What the task asks
Your reply should hold only the lines from the records below where "direction" occurs.

[Information shown Boundary: Start]

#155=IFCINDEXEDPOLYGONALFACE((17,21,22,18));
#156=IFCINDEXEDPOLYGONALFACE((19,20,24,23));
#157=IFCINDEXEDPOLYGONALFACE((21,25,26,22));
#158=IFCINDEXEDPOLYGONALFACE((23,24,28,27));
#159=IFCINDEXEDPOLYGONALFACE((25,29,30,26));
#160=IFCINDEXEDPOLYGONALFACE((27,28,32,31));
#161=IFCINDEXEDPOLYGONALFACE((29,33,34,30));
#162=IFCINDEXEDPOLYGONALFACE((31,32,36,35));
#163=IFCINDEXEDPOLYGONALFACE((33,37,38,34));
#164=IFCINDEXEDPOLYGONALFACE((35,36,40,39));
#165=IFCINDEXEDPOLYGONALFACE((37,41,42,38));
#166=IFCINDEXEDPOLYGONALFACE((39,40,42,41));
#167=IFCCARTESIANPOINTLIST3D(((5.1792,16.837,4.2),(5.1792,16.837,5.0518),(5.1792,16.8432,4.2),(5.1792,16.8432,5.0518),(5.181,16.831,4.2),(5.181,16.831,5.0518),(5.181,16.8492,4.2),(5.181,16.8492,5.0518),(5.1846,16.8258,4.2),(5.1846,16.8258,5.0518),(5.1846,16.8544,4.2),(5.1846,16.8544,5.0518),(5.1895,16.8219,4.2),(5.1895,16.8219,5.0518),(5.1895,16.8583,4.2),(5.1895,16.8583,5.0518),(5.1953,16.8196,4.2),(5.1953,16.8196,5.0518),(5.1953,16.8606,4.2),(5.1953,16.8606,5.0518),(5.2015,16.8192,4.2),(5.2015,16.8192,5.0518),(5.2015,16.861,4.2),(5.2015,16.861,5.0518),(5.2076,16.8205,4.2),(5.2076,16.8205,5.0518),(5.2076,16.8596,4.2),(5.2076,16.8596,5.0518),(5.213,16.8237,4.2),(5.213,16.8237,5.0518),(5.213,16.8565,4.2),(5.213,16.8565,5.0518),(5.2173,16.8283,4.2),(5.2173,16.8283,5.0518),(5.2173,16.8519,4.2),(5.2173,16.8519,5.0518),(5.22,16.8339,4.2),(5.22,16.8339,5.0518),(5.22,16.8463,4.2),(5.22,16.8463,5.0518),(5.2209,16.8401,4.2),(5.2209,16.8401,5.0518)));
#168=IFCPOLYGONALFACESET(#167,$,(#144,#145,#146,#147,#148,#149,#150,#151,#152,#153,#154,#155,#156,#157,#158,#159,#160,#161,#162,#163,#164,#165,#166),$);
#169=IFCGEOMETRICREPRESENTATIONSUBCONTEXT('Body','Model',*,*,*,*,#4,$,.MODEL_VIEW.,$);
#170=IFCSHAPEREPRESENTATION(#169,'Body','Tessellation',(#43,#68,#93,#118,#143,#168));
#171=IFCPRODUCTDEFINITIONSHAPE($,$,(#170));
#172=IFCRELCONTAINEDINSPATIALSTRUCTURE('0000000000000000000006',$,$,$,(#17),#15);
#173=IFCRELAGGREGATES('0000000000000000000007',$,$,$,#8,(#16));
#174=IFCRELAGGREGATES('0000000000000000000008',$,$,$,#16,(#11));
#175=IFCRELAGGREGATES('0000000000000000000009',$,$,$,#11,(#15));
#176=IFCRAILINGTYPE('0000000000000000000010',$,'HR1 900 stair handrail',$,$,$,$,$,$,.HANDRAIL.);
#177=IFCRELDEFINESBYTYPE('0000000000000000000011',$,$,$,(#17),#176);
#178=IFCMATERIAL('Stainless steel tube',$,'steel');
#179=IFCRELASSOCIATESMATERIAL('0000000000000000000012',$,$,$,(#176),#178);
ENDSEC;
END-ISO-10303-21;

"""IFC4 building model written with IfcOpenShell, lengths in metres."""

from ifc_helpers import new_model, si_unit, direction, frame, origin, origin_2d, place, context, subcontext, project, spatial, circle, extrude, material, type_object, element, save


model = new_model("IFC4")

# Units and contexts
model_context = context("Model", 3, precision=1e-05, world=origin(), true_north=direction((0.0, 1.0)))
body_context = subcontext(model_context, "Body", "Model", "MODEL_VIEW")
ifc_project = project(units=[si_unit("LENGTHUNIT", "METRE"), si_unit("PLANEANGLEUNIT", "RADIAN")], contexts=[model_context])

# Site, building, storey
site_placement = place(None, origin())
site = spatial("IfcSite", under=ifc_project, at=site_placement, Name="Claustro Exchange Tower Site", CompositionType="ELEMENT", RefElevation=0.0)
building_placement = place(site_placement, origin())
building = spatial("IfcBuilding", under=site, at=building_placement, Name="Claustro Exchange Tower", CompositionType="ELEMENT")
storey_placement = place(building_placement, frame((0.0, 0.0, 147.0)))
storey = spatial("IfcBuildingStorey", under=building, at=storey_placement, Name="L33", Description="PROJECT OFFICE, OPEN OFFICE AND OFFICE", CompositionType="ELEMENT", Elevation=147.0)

[Information shown Boundary: End]

Answer for this exercise
from ifc_helpers import new_model, si_unit, direction, frame, origin, origin_2d, place, context, subcontext, project, spatial, circle, extrude, material, type_object, element, save
model_context = context("Model", 3, precision=1e-05, world=origin(), true_north=direction((0.0, 1.0)))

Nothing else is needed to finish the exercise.